What to work on -> In the listing below, find each line with the string "BORED" and return it.

[Source data]

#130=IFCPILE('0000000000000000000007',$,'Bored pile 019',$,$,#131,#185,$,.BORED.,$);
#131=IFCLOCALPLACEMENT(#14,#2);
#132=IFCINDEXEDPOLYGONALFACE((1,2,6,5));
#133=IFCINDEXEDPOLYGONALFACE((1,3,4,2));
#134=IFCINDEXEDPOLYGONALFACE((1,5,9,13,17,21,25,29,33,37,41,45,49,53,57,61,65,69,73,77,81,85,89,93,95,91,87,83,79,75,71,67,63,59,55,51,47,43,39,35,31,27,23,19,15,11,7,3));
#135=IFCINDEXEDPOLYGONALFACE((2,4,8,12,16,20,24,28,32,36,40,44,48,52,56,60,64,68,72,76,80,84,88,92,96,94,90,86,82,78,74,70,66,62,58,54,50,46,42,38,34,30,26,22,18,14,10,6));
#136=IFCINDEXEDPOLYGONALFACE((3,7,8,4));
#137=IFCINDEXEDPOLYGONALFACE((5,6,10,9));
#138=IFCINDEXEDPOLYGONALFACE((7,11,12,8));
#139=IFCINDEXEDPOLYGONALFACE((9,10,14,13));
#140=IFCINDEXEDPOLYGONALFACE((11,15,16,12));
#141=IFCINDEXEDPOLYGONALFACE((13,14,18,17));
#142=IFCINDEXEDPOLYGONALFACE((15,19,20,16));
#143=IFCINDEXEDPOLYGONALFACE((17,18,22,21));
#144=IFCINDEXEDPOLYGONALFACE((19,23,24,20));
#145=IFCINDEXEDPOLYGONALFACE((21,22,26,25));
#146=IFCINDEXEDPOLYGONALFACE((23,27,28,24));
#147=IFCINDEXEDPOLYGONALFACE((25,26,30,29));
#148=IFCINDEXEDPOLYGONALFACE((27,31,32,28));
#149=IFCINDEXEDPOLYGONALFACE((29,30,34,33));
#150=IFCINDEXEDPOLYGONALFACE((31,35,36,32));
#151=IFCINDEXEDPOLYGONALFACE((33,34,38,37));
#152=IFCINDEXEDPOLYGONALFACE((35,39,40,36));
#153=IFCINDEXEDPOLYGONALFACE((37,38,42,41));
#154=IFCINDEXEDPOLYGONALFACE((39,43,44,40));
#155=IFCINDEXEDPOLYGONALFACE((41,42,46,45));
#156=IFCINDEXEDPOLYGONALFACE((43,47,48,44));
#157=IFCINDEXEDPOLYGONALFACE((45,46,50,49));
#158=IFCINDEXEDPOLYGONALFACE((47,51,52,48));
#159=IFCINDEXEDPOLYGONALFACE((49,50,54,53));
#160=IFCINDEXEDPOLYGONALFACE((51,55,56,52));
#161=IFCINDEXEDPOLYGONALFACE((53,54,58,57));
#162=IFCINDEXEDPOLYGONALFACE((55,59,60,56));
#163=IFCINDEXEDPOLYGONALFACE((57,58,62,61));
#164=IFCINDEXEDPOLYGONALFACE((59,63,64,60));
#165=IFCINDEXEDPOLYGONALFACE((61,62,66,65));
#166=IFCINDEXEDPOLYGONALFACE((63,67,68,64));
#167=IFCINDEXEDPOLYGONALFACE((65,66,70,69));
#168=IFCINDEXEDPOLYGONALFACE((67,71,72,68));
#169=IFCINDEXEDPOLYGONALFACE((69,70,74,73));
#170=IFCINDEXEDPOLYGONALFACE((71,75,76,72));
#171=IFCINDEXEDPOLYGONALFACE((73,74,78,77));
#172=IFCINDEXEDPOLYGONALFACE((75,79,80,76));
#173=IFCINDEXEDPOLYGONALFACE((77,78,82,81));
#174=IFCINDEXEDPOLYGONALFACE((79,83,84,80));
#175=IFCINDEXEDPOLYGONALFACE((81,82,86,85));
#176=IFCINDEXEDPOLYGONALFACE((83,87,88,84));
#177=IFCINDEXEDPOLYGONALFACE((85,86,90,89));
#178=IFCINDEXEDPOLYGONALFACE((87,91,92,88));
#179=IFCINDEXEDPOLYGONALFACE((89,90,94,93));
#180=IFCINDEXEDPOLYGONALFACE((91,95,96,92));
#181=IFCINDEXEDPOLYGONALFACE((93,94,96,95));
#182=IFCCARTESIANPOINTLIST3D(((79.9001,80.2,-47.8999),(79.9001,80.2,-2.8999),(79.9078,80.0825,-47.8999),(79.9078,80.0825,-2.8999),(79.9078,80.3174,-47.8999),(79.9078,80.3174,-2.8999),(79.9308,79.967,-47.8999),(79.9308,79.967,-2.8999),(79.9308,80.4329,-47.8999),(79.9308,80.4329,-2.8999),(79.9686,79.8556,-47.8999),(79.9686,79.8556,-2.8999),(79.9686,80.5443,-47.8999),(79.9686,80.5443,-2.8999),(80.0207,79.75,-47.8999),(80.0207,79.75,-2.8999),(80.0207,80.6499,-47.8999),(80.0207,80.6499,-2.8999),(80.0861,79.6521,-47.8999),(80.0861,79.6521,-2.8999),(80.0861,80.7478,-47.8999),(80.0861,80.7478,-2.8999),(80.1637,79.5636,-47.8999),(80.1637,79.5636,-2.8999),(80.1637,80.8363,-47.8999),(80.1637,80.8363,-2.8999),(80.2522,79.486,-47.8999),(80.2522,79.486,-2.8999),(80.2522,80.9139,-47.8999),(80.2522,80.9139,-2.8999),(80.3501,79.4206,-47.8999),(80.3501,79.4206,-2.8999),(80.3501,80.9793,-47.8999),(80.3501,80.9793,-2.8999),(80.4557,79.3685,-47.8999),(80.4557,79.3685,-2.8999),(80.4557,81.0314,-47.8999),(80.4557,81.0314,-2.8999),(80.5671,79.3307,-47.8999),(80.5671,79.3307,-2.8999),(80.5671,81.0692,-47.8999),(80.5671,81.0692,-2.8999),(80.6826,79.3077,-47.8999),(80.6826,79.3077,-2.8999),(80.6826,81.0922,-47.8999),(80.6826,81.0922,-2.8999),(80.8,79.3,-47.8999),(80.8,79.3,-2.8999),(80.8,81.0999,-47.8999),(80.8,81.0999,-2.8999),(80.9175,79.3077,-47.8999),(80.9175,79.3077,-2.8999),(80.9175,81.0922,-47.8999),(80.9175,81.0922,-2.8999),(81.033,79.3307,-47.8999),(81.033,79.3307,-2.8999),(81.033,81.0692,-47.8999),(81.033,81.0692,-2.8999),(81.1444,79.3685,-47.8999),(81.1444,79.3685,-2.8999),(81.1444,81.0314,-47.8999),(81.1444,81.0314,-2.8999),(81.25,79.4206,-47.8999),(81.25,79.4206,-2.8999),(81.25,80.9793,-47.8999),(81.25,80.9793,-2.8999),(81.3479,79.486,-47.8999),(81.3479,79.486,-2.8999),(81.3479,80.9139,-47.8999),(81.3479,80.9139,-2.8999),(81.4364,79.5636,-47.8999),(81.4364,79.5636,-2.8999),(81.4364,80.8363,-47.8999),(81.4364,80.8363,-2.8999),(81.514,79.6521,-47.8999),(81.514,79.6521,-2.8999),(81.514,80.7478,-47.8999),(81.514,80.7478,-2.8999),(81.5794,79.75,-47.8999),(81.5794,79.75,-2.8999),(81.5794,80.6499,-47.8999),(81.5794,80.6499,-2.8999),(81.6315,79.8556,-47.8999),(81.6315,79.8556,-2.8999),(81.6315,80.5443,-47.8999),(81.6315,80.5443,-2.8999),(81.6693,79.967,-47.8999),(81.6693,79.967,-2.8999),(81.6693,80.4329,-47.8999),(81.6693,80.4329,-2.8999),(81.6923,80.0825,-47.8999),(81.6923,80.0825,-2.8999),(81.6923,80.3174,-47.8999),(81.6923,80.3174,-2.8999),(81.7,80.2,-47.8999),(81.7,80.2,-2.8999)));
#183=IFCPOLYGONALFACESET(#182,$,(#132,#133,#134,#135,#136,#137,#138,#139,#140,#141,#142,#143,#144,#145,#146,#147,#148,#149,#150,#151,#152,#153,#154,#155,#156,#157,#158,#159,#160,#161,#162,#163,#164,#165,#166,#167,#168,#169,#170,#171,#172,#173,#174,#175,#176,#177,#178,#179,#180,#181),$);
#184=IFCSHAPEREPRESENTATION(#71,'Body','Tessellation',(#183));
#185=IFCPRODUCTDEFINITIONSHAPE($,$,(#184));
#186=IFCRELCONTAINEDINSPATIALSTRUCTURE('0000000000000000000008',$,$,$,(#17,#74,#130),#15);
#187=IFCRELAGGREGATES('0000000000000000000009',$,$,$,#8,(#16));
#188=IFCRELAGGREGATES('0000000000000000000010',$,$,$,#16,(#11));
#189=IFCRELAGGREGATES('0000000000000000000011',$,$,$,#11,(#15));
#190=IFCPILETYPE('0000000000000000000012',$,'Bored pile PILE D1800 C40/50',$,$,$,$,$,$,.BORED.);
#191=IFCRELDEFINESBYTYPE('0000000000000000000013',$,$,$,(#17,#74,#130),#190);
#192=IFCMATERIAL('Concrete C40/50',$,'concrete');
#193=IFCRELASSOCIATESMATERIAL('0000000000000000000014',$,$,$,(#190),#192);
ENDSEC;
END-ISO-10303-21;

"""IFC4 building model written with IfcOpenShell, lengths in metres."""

[/Source data]

Exercise solution ->
#130=IFCPILE('0000000000000000000007',$,'Bored pile 019',$,$,#131,#185,$,.BORED.,$);
#190=IFCPILETYPE('0000000000000000000012',$,'Bored pile PILE D1800 C40/50',$,$,$,$,$,$,.BORED.);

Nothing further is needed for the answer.